* **About this exercise**:
Show every line from the data below that includes "direction".

* **Data for analysis**:
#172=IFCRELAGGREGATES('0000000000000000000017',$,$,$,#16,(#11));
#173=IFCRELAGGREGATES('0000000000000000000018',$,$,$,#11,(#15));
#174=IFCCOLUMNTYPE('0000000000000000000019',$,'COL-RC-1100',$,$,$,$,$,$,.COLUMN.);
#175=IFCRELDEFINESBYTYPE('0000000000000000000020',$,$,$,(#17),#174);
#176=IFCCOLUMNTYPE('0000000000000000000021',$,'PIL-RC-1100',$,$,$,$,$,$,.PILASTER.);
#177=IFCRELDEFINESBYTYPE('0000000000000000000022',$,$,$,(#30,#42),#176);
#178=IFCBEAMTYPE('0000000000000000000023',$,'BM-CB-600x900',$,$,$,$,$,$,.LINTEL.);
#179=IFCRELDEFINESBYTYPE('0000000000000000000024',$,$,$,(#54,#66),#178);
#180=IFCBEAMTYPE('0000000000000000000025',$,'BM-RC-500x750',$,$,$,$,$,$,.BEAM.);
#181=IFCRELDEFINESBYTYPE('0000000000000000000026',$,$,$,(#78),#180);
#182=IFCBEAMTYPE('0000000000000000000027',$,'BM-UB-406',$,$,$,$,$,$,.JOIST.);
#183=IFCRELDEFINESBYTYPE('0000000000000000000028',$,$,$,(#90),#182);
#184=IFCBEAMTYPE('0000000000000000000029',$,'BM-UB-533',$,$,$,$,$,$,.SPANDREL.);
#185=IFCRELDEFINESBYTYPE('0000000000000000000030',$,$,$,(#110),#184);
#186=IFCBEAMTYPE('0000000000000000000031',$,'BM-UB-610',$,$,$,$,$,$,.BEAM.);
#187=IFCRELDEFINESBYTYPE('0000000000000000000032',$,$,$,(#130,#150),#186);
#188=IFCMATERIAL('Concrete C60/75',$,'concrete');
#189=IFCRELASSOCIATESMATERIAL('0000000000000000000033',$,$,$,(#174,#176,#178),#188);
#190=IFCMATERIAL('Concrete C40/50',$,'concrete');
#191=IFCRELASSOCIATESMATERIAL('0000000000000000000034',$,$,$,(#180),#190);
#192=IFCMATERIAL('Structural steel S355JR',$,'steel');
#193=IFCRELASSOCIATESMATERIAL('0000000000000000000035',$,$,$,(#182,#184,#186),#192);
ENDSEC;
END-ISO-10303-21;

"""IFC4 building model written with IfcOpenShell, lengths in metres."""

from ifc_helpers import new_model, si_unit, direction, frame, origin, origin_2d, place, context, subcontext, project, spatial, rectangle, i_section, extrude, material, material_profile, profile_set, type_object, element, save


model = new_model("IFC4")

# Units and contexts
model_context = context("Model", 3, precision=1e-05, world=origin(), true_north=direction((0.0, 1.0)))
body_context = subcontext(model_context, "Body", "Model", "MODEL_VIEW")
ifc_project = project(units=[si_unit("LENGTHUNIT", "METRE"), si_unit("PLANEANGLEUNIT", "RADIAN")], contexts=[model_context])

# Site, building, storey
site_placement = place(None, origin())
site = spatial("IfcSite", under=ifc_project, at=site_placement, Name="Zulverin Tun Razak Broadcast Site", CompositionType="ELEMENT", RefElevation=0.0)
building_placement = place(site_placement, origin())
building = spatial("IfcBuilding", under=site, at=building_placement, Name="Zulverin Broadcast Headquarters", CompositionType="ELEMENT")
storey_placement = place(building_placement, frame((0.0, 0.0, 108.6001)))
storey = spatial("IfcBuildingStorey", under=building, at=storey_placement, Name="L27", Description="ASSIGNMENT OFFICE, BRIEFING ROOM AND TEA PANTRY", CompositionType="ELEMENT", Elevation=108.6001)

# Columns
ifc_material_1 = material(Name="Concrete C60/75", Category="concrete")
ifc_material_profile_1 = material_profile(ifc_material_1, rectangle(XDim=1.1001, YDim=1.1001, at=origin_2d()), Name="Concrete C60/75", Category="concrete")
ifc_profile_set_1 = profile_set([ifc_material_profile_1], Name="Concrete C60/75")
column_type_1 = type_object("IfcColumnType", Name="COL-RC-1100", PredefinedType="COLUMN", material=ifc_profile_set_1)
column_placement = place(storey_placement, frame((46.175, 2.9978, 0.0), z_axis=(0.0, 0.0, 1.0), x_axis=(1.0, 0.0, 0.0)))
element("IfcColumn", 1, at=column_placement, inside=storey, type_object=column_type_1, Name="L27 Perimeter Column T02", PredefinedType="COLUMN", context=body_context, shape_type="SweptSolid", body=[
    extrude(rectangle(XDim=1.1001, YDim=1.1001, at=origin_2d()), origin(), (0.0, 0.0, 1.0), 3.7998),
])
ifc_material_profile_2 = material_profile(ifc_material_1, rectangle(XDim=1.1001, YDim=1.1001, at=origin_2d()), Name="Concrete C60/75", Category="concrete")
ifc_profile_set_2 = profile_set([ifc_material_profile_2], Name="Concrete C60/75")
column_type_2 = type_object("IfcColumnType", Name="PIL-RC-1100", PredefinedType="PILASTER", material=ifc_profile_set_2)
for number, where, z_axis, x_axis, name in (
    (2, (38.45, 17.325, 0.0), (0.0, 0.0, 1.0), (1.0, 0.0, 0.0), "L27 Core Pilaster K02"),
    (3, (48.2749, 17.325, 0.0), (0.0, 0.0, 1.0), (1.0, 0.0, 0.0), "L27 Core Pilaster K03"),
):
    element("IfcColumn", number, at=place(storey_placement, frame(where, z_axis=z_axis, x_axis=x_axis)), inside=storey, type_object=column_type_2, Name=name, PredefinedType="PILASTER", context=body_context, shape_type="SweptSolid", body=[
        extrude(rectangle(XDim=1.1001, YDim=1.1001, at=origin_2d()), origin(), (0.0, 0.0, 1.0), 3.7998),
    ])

* **Exercise answer**:
from ifc_helpers import new_model, si_unit, direction, frame, origin, origin_2d, place, context, subcontext, project, spatial, rectangle, i_section, extrude, material, material_profile, profile_set, type_object, element, save
model_context = context("Model", 3, precision=1e-05, world=origin(), true_north=direction((0.0, 1.0)))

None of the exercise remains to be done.